| What needs to be done |
Look below for the line containing "#44=IFCINDEXEDPOLYGONALFACE((1,2,4,3));"; from there, print each line exactly up to and including the line containing "#81=IFCMATERIALLAYER(#76,0.3999,$,$,$,$,$);", and stop.

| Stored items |
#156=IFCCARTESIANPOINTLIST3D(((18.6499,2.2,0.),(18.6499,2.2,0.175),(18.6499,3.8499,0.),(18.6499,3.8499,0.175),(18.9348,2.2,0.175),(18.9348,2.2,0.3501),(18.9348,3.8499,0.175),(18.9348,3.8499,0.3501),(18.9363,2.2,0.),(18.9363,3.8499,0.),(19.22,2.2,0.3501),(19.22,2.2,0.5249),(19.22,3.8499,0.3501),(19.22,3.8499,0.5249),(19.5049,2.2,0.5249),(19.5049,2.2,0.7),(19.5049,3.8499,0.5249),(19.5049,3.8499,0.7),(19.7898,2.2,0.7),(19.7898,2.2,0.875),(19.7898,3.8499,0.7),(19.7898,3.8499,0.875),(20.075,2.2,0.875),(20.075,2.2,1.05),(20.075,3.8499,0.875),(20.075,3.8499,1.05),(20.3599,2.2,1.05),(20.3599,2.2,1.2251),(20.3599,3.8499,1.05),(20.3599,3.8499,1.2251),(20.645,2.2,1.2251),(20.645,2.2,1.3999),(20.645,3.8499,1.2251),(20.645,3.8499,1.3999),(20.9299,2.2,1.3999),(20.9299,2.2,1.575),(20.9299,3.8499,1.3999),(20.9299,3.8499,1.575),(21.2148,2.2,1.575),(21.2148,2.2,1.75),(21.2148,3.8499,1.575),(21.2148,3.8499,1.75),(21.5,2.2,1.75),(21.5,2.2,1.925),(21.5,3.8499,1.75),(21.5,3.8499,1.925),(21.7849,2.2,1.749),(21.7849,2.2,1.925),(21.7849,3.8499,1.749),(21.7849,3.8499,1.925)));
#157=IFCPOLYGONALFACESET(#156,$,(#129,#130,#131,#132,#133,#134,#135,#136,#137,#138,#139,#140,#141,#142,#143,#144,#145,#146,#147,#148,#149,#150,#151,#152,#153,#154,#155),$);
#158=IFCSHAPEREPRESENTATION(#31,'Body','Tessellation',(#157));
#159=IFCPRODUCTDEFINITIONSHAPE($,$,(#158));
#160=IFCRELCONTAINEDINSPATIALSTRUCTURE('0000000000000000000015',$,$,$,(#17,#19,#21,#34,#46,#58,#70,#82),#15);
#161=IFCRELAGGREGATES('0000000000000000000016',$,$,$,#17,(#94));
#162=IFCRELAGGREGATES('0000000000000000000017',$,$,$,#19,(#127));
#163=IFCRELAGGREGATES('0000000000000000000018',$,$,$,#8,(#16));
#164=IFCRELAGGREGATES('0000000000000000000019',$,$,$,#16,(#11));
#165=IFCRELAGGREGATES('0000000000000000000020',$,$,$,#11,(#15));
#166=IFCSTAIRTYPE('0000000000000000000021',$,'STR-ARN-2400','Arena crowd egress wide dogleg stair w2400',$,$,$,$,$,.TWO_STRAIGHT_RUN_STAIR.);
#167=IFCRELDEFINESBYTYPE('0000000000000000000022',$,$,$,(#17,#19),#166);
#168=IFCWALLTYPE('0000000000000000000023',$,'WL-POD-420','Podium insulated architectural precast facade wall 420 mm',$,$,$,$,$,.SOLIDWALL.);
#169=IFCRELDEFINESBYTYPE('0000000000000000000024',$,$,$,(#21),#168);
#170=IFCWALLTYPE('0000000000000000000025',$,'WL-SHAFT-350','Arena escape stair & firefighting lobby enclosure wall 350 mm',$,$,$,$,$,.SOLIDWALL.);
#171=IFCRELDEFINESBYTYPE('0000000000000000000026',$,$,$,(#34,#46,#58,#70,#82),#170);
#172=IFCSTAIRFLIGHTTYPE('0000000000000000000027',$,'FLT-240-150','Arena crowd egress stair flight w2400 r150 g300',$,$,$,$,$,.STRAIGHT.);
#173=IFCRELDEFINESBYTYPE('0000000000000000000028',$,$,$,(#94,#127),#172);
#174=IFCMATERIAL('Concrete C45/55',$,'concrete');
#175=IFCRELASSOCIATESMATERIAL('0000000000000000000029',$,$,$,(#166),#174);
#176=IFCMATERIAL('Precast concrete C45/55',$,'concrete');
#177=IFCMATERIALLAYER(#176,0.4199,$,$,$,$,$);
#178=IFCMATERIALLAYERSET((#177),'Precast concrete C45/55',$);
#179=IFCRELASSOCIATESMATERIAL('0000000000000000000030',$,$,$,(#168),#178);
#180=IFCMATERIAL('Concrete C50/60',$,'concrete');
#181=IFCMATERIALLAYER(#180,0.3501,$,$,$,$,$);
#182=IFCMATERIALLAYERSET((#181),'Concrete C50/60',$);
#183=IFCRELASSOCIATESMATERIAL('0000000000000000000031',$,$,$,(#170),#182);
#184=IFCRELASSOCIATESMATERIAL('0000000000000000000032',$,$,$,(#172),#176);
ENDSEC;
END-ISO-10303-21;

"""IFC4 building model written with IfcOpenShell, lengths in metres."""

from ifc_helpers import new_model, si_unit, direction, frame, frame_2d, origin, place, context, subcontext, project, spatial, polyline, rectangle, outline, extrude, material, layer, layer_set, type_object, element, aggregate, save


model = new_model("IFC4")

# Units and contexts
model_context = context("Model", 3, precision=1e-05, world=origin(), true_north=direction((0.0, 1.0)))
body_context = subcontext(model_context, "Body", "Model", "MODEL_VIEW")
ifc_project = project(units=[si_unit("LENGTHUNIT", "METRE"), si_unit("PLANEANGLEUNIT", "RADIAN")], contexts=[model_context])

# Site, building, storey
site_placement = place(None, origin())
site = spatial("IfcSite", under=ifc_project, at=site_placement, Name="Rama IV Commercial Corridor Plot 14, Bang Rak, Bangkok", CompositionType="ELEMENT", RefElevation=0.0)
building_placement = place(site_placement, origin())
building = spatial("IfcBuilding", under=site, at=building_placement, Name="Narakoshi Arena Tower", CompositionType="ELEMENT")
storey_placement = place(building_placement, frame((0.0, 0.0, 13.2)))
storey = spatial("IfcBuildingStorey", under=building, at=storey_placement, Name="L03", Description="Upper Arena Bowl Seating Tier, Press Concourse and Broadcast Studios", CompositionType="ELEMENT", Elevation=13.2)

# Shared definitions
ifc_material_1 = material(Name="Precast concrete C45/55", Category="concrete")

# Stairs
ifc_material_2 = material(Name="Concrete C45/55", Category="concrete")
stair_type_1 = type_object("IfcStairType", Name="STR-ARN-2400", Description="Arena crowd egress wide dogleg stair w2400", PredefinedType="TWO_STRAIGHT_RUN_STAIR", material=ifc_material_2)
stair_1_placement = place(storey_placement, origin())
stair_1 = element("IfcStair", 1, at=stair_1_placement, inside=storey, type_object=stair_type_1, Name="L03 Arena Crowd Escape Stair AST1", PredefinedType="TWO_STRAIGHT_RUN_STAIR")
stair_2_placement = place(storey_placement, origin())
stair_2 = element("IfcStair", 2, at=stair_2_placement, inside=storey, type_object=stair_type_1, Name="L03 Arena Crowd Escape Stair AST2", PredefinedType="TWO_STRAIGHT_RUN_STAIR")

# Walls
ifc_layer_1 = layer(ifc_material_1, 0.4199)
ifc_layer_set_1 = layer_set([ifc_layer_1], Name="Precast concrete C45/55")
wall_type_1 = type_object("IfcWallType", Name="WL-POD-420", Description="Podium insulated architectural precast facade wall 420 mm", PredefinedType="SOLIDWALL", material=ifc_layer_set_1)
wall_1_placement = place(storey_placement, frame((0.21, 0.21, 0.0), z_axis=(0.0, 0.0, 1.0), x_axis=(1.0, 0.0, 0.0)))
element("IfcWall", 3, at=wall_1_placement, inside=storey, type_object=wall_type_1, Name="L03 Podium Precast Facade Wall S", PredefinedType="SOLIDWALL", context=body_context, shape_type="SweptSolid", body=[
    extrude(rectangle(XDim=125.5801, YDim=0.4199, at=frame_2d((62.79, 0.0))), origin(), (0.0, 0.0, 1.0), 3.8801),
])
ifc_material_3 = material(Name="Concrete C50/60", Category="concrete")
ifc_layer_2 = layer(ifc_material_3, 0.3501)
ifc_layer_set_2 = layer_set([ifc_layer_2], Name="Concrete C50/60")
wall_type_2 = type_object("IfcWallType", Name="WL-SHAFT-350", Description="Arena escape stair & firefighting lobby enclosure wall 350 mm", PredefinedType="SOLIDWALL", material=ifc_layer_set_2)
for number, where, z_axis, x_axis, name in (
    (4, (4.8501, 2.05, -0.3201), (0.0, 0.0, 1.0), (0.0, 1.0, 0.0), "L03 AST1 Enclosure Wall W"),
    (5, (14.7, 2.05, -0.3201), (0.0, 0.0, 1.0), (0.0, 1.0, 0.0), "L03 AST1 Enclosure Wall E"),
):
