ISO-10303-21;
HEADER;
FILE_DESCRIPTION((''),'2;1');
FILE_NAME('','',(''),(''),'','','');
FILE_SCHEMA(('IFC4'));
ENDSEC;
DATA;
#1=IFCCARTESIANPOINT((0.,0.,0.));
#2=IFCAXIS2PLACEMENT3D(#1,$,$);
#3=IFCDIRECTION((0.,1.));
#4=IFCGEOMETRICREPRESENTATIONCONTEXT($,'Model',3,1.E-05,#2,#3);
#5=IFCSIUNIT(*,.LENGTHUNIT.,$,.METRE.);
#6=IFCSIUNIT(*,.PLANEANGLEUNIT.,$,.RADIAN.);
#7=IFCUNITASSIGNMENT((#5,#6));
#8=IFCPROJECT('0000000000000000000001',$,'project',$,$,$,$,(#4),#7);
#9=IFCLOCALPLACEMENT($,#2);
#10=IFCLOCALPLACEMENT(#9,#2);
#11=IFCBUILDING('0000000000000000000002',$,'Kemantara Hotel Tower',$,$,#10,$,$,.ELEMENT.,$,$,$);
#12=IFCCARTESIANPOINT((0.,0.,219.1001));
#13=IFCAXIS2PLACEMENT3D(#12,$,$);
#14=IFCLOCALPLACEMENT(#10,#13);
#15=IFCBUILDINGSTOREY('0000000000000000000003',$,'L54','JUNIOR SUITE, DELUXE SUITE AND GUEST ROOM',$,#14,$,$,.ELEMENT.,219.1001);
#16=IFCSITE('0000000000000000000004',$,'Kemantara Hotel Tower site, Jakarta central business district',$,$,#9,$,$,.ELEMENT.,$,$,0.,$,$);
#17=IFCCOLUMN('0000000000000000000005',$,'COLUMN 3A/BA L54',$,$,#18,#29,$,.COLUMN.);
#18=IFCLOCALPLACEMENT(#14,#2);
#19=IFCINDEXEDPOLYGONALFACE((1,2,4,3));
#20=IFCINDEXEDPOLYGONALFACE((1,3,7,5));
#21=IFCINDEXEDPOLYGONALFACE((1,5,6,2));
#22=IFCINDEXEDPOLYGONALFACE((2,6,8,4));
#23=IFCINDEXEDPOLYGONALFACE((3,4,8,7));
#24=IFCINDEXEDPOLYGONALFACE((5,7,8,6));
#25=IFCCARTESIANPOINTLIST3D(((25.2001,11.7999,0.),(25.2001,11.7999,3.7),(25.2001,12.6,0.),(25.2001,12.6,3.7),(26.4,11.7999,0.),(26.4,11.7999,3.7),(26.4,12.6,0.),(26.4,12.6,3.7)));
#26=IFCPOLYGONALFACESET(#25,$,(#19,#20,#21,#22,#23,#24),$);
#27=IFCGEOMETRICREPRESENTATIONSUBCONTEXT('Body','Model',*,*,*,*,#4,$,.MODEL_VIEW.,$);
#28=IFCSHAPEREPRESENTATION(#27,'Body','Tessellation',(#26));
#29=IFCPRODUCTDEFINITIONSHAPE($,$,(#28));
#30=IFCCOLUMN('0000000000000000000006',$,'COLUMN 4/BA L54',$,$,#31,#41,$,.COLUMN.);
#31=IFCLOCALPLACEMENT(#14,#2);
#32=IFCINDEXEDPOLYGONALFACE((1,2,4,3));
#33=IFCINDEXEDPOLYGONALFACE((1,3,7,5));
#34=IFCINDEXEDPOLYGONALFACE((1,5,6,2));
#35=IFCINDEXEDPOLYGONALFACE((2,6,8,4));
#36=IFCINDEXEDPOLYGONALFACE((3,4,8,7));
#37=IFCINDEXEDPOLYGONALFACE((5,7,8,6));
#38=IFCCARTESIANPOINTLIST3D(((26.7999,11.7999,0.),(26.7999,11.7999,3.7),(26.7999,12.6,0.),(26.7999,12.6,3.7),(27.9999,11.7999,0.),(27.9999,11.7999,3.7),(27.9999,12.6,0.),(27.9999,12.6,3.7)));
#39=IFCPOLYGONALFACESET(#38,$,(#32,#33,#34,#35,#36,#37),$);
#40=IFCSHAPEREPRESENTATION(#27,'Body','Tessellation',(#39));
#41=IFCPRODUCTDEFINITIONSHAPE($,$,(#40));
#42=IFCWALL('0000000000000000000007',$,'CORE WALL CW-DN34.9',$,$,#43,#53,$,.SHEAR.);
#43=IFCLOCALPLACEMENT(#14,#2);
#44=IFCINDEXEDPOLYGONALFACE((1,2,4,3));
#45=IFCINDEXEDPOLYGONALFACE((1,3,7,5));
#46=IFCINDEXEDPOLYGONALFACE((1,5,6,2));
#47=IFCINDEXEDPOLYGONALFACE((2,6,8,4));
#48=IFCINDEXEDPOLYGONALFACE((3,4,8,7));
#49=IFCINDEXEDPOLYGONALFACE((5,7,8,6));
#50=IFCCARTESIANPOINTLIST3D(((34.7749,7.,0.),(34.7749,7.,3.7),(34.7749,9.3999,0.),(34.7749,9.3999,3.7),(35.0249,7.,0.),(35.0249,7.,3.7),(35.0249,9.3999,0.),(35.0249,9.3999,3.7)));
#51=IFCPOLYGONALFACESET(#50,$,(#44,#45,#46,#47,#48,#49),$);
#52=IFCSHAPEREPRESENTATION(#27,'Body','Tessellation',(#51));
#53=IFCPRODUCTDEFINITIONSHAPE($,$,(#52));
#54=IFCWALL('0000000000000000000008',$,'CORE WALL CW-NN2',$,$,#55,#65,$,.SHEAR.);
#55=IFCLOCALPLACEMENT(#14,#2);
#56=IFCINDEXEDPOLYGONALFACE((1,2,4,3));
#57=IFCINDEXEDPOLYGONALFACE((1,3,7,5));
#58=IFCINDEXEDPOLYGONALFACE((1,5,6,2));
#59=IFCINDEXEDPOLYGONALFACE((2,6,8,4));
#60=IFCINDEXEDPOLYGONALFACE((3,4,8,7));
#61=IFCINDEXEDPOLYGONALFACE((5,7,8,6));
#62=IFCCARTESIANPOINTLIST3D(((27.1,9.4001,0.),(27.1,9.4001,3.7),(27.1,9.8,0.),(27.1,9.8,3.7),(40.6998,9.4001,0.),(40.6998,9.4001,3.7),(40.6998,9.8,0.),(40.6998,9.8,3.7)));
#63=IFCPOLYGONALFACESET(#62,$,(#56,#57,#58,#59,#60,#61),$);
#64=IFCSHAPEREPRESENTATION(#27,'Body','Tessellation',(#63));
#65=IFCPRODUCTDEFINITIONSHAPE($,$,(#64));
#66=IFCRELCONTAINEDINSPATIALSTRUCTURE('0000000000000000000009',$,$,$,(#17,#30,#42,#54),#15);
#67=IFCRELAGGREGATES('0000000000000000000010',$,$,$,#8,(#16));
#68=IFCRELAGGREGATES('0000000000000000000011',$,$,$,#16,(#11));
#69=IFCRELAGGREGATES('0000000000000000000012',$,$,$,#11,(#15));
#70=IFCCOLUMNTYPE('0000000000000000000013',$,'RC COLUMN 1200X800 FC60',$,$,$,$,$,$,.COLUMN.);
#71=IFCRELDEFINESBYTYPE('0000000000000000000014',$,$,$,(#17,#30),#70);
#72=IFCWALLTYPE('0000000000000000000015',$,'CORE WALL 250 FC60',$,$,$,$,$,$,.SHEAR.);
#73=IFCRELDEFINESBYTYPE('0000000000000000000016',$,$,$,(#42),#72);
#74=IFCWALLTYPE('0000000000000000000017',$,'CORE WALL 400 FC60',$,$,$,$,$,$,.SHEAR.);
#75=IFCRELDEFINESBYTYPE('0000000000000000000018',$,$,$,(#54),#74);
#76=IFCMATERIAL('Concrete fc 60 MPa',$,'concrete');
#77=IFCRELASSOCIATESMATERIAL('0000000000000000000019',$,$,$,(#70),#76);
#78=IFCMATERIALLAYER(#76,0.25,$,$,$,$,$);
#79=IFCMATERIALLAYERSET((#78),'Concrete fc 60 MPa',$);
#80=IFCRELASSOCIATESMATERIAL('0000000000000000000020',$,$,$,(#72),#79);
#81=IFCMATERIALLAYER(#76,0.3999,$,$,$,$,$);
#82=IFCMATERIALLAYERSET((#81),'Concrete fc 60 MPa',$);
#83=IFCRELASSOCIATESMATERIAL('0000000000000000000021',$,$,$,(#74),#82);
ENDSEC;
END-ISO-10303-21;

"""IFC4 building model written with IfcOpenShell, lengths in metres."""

from ifc_helpers import new_model, si_unit, direction, frame, frame_2d, origin, origin_2d, place, context, subcontext, project, spatial, rectangle, extrude, material, layer, layer_set, material_profile, profile_set, type_object, element, save


model = new_model("IFC4")

# Units and contexts
model_context = context("Model", 3, precision=1e-05, world=origin(), true_north=direction((0.0, 1.0)))
body_context = subcontext(model_context, "Body", "Model", "MODEL_VIEW")
ifc_project = project(units=[si_unit("LENGTHUNIT", "METRE"), si_unit("PLANEANGLEUNIT", "RADIAN")], contexts=[model_context])

# Site, building, storey
site_placement = place(None, origin())
site = spatial("IfcSite", under=ifc_project, at=site_placement, Name="Kemantara Hotel Tower site, Jakarta central business district", CompositionType="ELEMENT", RefElevation=0.0)
building_placement = place(site_placement, origin())
building = spatial("IfcBuilding", under=site, at=building_placement, Name="Kemantara Hotel Tower", CompositionType="ELEMENT")
storey_placement = place(building_placement, frame((0.0, 0.0, 219.1001)))
storey = spatial("IfcBuildingStorey", under=building, at=storey_placement, Name="L54", Description="JUNIOR SUITE, DELUXE SUITE AND GUEST ROOM", CompositionType="ELEMENT", Elevation=219.1001)

# Columns
ifc_material_1 = material(Name="Concrete fc 60 MPa", Category="concrete")
ifc_material_profile = material_profile(ifc_material_1, rectangle(XDim=1.2, YDim=0.8, at=origin_2d()), Name="RC 1200X800")
ifc_profile_set = profile_set([ifc_material_profile], Name="Concrete fc 60 MPa")
column_type = type_object("IfcColumnType", Name="RC COLUMN 1200X800 FC60", PredefinedType="COLUMN", material=ifc_profile_set)
for number, where, z_axis, x_axis, name in (
    (1, (25.8, 12.2, 0.0), (0.0, 0.0, 1.0), (1.0, 0.0, 0.0), "COLUMN 3A/BA L54"),
    (2, (27.3999, 12.2, 0.0), (0.0, 0.0, 1.0), (1.0, 0.0, 0.0), "COLUMN 4/BA L54"),
):
    element("IfcColumn", number, at=place(storey_placement, frame(where, z_axis=z_axis, x_axis=x_axis)), inside=storey, type_object=column_type, Name=name, PredefinedType="COLUMN", context=body_context, shape_type="SweptSolid", body=[
        extrude(rectangle(XDim=1.2, YDim=0.8, at=origin_2d()), origin(), (0.0, 0.0, 1.0), 3.7),
    ])

# Walls
ifc_layer_1 = layer(ifc_material_1, 0.25)
ifc_layer_set_1 = layer_set([ifc_layer_1], Name="Concrete fc 60 MPa")
wall_type_1 = type_object("IfcWallType", Name="CORE WALL 250 FC60", PredefinedType="SHEAR", material=ifc_layer_set_1)
wall_1_placement = place(storey_placement, frame((34.8999, 7.0, 0.0), z_axis=(0.0, 0.0, 1.0), x_axis=(0.0, 1.0, 0.0)))
element("IfcWall", 3, at=wall_1_placement, inside=storey, type_object=wall_type_1, Name="CORE WALL CW-DN34.9", PredefinedType="SHEAR", context=body_context, shape_type="SweptSolid", body=[
    extrude(rectangle(XDim=2.3999, YDim=0.25, at=frame_2d((1.2, 0.0))), origin(), (0.0, 0.0, 1.0), 3.7),
])
ifc_layer_2 = layer(ifc_material_1, 0.3999)
ifc_layer_set_2 = layer_set([ifc_layer_2], Name="Concrete fc 60 MPa")
wall_type_2 = type_object("IfcWallType", Name="CORE WALL 400 FC60", PredefinedType="SHEAR", material=ifc_layer_set_2)
wall_2_placement = place(storey_placement, frame((27.1001, 9.6001, 0.0), z_axis=(0.0, 0.0, 1.0), x_axis=(1.0, 0.0, 0.0)))
element("IfcWall", 4, at=wall_2_placement, inside=storey, type_object=wall_type_2, Name="CORE WALL CW-NN2", PredefinedType="SHEAR", context=body_context, shape_type="SweptSolid", body=[
    extrude(rectangle(XDim=13.5999, YDim=0.3999, at=frame_2d((6.7998, 0.0))), origin(), (0.0, 0.0, 1.0), 3.7),
])

save(model, "model.ifc")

| Result of the task |
#44=IFCINDEXEDPOLYGONALFACE((1,2,4,3));
#45=IFCINDEXEDPOLYGONALFACE((1,3,7,5));
#46=IFCINDEXEDPOLYGONALFACE((1,5,6,2));
#47=IFCINDEXEDPOLYGONALFACE((2,6,8,4));
#48=IFCINDEXEDPOLYGONALFACE((3,4,8,7));
#49=IFCINDEXEDPOLYGONALFACE((5,7,8,6));
#50=IFCCARTESIANPOINTLIST3D(((34.7749,7.,0.),(34.7749,7.,3.7),(34.7749,9.3999,0.),(34.7749,9.3999,3.7),(35.0249,7.,0.),(35.0249,7.,3.7),(35.0249,9.3999,0.),(35.0249,9.3999,3.7)));
#51=IFCPOLYGONALFACESET(#50,$,(#44,#45,#46,#47,#48,#49),$);
#52=IFCSHAPEREPRESENTATION(#27,'Body','Tessellation',(#51));
#53=IFCPRODUCTDEFINITIONSHAPE($,$,(#52));
#54=IFCWALL('0000000000000000000008',$,'CORE WALL CW-NN2',$,$,#55,#65,$,.SHEAR.);
#55=IFCLOCALPLACEMENT(#14,#2);
#56=IFCINDEXEDPOLYGONALFACE((1,2,4,3));
#57=IFCINDEXEDPOLYGONALFACE((1,3,7,5));
#58=IFCINDEXEDPOLYGONALFACE((1,5,6,2));
#59=IFCINDEXEDPOLYGONALFACE((2,6,8,4));
#60=IFCINDEXEDPOLYGONALFACE((3,4,8,7));
#61=IFCINDEXEDPOLYGONALFACE((5,7,8,6));
#62=IFCCARTESIANPOINTLIST3D(((27.1,9.4001,0.),(27.1,9.4001,3.7),(27.1,9.8,0.),(27.1,9.8,3.7),(40.6998,9.4001,0.),(40.6998,9.4001,3.7),(40.6998,9.8,0.),(40.6998,9.8,3.7)));
#63=IFCPOLYGONALFACESET(#62,$,(#56,#57,#58,#59,#60,#61),$);
#64=IFCSHAPEREPRESENTATION(#27,'Body','Tessellation',(#63));
#65=IFCPRODUCTDEFINITIONSHAPE($,$,(#64));
#66=IFCRELCONTAINEDINSPATIALSTRUCTURE('0000000000000000000009',$,$,$,(#17,#30,#42,#54),#15);
#67=IFCRELAGGREGATES('0000000000000000000010',$,$,$,#8,(#16));
#68=IFCRELAGGREGATES('0000000000000000000011',$,$,$,#16,(#11));
#69=IFCRELAGGREGATES('0000000000000000000012',$,$,$,#11,(#15));
#70=IFCCOLUMNTYPE('0000000000000000000013',$,'RC COLUMN 1200X800 FC60',$,$,$,$,$,$,.COLUMN.);
#71=IFCRELDEFINESBYTYPE('0000000000000000000014',$,$,$,(#17,#30),#70);
#72=IFCWALLTYPE('0000000000000000000015',$,'CORE WALL 250 FC60',$,$,$,$,$,$,.SHEAR.);
#73=IFCRELDEFINESBYTYPE('0000000000000000000016',$,$,$,(#42),#72);
#74=IFCWALLTYPE('0000000000000000000017',$,'CORE WALL 400 FC60',$,$,$,$,$,$,.SHEAR.);
#75=IFCRELDEFINESBYTYPE('0000000000000000000018',$,$,$,(#54),#74);
#76=IFCMATERIAL('Concrete fc 60 MPa',$,'concrete');
#77=IFCRELASSOCIATESMATERIAL('0000000000000000000019',$,$,$,(#70),#76);
#78=IFCMATERIALLAYER(#76,0.25,$,$,$,$,$);
#79=IFCMATERIALLAYERSET((#78),'Concrete fc 60 MPa',$);
#80=IFCRELASSOCIATESMATERIAL('0000000000000000000020',$,$,$,(#72),#79);
#81=IFCMATERIALLAYER(#76,0.3999,$,$,$,$,$);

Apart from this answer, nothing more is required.